Problem description = Every line of the entries below from the one containing "#51=IFCPOLYGONALFACESET(#50,$,(#44,#45,#46,#47,#48,#49),$);" to the one containing "#64=IFCMATERIALLAYERSET((#63),'Gypsum Plasterboard',$);", both ends included, must be written out exactly. No other line belongs in the answer.

━━ Data for this exercise

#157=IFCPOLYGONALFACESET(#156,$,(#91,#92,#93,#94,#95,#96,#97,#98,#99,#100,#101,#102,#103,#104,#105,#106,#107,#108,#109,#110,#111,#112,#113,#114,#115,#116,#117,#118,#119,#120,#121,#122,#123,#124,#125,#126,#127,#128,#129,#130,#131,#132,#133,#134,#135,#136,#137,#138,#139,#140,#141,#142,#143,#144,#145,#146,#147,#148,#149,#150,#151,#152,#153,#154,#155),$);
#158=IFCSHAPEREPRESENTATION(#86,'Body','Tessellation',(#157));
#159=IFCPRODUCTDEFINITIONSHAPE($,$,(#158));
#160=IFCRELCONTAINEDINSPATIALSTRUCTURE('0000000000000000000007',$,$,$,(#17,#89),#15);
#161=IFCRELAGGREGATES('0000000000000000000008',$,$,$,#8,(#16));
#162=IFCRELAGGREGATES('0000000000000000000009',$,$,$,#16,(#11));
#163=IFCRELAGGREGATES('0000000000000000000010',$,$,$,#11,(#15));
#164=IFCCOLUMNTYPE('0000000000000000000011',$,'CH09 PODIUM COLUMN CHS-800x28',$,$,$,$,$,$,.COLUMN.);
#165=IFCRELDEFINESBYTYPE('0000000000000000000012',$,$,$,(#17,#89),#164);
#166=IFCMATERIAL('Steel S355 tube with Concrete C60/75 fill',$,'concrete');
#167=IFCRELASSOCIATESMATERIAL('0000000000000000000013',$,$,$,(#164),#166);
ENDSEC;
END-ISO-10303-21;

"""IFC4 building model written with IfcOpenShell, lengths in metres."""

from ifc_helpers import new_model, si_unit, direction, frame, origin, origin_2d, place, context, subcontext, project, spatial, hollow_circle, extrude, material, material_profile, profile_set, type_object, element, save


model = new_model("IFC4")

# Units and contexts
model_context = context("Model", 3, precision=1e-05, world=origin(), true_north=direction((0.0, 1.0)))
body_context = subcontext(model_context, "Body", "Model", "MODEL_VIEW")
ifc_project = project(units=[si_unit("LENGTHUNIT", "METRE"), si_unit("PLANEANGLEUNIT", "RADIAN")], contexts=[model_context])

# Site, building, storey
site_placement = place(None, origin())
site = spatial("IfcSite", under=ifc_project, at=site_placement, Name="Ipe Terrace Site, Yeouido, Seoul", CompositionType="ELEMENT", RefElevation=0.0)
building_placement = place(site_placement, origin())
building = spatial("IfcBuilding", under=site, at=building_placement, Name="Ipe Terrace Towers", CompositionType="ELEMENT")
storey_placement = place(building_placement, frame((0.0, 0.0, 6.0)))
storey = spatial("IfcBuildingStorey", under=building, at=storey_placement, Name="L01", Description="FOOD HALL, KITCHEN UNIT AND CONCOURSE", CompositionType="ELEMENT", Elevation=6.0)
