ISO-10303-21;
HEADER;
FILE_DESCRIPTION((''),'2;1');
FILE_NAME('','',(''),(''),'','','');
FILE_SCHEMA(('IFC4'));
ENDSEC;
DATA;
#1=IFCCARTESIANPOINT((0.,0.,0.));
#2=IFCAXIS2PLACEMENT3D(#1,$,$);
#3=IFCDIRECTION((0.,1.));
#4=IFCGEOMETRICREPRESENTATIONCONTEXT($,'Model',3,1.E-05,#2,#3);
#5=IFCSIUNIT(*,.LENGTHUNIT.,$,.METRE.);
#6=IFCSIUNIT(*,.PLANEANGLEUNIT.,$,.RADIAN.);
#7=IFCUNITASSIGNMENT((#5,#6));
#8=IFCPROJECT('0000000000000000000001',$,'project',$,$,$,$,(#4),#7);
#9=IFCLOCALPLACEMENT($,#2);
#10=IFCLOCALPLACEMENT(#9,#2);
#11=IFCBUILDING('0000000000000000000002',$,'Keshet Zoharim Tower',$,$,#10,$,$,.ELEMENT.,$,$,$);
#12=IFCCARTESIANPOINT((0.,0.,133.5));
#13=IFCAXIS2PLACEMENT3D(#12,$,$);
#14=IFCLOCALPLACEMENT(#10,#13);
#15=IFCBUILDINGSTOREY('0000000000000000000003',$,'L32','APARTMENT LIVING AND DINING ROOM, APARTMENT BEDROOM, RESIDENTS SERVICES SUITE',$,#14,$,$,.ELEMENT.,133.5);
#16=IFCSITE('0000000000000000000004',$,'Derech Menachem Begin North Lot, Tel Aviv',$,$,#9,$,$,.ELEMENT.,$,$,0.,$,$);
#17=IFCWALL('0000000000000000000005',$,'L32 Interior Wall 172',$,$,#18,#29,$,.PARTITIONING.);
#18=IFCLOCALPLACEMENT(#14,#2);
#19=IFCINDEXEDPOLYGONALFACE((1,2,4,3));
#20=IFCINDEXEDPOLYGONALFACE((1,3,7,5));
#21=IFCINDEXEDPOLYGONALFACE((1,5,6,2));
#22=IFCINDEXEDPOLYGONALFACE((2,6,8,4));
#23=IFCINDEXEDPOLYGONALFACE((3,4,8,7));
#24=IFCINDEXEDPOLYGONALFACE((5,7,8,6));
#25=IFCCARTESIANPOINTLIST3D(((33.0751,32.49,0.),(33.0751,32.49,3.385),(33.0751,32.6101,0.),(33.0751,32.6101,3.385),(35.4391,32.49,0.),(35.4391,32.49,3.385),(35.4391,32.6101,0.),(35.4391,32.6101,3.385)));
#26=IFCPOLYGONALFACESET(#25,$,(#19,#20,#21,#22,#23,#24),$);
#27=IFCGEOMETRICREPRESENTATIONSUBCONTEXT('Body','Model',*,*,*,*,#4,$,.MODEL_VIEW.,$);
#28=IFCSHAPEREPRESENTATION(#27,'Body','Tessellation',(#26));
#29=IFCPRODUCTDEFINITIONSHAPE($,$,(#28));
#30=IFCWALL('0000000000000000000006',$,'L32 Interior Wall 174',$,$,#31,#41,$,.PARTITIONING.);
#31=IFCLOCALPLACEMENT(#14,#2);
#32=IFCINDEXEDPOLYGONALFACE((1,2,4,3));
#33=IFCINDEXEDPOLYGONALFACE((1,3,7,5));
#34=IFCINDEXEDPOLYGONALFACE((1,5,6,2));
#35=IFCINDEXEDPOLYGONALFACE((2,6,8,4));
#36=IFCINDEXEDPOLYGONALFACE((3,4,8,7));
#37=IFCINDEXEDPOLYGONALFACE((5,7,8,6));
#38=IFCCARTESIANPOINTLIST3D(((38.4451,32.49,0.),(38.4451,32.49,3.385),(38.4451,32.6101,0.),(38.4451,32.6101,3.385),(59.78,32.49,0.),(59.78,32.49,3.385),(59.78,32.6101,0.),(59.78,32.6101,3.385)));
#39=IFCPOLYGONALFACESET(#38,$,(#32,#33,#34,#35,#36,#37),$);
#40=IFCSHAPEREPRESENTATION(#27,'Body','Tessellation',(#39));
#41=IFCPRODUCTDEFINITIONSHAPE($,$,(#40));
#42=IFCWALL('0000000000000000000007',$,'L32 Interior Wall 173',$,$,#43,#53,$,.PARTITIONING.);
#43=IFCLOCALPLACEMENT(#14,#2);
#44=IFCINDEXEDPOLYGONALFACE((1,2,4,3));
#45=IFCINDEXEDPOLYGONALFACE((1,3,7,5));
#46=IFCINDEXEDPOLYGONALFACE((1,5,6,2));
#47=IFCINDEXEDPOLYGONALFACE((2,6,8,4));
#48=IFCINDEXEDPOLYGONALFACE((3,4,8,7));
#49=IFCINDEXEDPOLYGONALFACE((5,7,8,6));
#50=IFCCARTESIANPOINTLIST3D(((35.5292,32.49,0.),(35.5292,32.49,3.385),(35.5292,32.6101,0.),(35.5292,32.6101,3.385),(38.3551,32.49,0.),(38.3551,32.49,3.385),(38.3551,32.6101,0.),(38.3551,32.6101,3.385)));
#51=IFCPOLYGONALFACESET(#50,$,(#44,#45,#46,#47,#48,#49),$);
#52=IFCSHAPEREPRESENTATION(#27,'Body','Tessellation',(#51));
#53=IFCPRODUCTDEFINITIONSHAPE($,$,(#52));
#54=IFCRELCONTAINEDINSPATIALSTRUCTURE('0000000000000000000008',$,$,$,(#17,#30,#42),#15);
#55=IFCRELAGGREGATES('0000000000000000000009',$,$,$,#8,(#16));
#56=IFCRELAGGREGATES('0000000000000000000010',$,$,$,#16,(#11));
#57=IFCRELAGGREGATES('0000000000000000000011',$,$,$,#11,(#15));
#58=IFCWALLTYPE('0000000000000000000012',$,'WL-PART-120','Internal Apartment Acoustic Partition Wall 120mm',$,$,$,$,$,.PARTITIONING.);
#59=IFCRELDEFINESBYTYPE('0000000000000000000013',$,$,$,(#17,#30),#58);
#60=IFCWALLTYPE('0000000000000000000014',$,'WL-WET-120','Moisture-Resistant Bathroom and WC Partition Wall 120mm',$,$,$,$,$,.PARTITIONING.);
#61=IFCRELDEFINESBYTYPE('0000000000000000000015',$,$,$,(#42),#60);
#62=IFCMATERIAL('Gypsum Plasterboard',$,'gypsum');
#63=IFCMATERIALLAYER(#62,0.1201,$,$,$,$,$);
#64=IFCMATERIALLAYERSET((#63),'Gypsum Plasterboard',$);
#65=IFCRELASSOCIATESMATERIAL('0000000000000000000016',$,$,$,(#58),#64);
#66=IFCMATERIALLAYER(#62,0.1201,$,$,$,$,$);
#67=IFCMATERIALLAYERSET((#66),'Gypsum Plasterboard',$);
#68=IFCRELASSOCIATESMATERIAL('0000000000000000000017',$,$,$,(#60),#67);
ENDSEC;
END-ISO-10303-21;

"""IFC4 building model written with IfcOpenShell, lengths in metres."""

from ifc_helpers import new_model, si_unit, direction, frame, frame_2d, origin, place, context, subcontext, project, spatial, rectangle, extrude, material, layer, layer_set, type_object, element, save


model = new_model("IFC4")

# Units and contexts
model_context = context("Model", 3, precision=1e-05, world=origin(), true_north=direction((0.0, 1.0)))
body_context = subcontext(model_context, "Body", "Model", "MODEL_VIEW")
ifc_project = project(units=[si_unit("LENGTHUNIT", "METRE"), si_unit("PLANEANGLEUNIT", "RADIAN")], contexts=[model_context])

# Site, building, storey
site_placement = place(None, origin())
site = spatial("IfcSite", under=ifc_project, at=site_placement, Name="Derech Menachem Begin North Lot, Tel Aviv", CompositionType="ELEMENT", RefElevation=0.0)
building_placement = place(site_placement, origin())
building = spatial("IfcBuilding", under=site, at=building_placement, Name="Keshet Zoharim Tower", CompositionType="ELEMENT")
storey_placement = place(building_placement, frame((0.0, 0.0, 133.5)))
storey = spatial("IfcBuildingStorey", under=building, at=storey_placement, Name="L32", Description="APARTMENT LIVING AND DINING ROOM, APARTMENT BEDROOM, RESIDENTS SERVICES SUITE", CompositionType="ELEMENT", Elevation=133.5)

# Shared definitions
ifc_material_1 = material(Name="Gypsum Plasterboard", Category="gypsum")

# Shared definitions
ifc_layer_1 = layer(ifc_material_1, 0.1201)
ifc_layer_set_1 = layer_set([ifc_layer_1], Name="Gypsum Plasterboard")
wall_type_1 = type_object("IfcWallType", Name="WL-PART-120", Description="Internal Apartment Acoustic Partition Wall 120mm", PredefinedType="PARTITIONING", material=ifc_layer_set_1)

# Walls
wall_1_placement = place(storey_placement, frame((33.075, 32.55, 0.0), z_axis=(0.0, 0.0, 1.0), x_axis=(1.0, 0.0, 0.0)))
element("IfcWall", 1, at=wall_1_placement, inside=storey, type_object=wall_type_1, Name="L32 Interior Wall 172", PredefinedType="PARTITIONING", context=body_context, shape_type="SweptSolid", body=[
    extrude(rectangle(XDim=2.364, YDim=0.1201, at=frame_2d((1.1821, 0.0))), origin(), (0.0, 0.0, 1.0), 3.385),
])
wall_2_placement = place(storey_placement, frame((38.4451, 32.55, 0.0), z_axis=(0.0, 0.0, 1.0), x_axis=(1.0, 0.0, 0.0)))
element("IfcWall", 2, at=wall_2_placement, inside=storey, type_object=wall_type_1, Name="L32 Interior Wall 174", PredefinedType="PARTITIONING", context=body_context, shape_type="SweptSolid", body=[
    extrude(rectangle(XDim=21.335, YDim=0.1201, at=frame_2d((10.6675, 0.0))), origin(), (0.0, 0.0, 1.0), 3.385),
])

# Wall
ifc_layer_2 = layer(ifc_material_1, 0.1201)
ifc_layer_set_2 = layer_set([ifc_layer_2], Name="Gypsum Plasterboard")
wall_type_2 = type_object("IfcWallType", Name="WL-WET-120", Description="Moisture-Resistant Bathroom and WC Partition Wall 120mm", PredefinedType="PARTITIONING", material=ifc_layer_set_2)
wall_3_placement = place(storey_placement, frame((35.5291, 32.55, 0.0), z_axis=(0.0, 0.0, 1.0), x_axis=(1.0, 0.0, 0.0)))
element("IfcWall", 3, at=wall_3_placement, inside=storey, type_object=wall_type_2, Name="L32 Interior Wall 173", PredefinedType="PARTITIONING", context=body_context, shape_type="SweptSolid", body=[
    extrude(rectangle(XDim=2.8259, YDim=0.1201, at=frame_2d((1.4131, 0.0))), origin(), (0.0, 0.0, 1.0), 3.385),
])

save(model, "model.ifc")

━━━━

Your solution =
#51=IFCPOLYGONALFACESET(#50,$,(#44,#45,#46,#47,#48,#49),$);
#52=IFCSHAPEREPRESENTATION(#27,'Body','Tessellation',(#51));
#53=IFCPRODUCTDEFINITIONSHAPE($,$,(#52));
#54=IFCRELCONTAINEDINSPATIALSTRUCTURE('0000000000000000000008',$,$,$,(#17,#30,#42),#15);
#55=IFCRELAGGREGATES('0000000000000000000009',$,$,$,#8,(#16));
#56=IFCRELAGGREGATES('0000000000000000000010',$,$,$,#16,(#11));
#57=IFCRELAGGREGATES('0000000000000000000011',$,$,$,#11,(#15));
#58=IFCWALLTYPE('0000000000000000000012',$,'WL-PART-120','Internal Apartment Acoustic Partition Wall 120mm',$,$,$,$,$,.PARTITIONING.);
#59=IFCRELDEFINESBYTYPE('0000000000000000000013',$,$,$,(#17,#30),#58);
#60=IFCWALLTYPE('0000000000000000000014',$,'WL-WET-120','Moisture-Resistant Bathroom and WC Partition Wall 120mm',$,$,$,$,$,.PARTITIONING.);
#61=IFCRELDEFINESBYTYPE('0000000000000000000015',$,$,$,(#42),#60);
#62=IFCMATERIAL('Gypsum Plasterboard',$,'gypsum');
#63=IFCMATERIALLAYER(#62,0.1201,$,$,$,$,$);
#64=IFCMATERIALLAYERSET((#63),'Gypsum Plasterboard',$);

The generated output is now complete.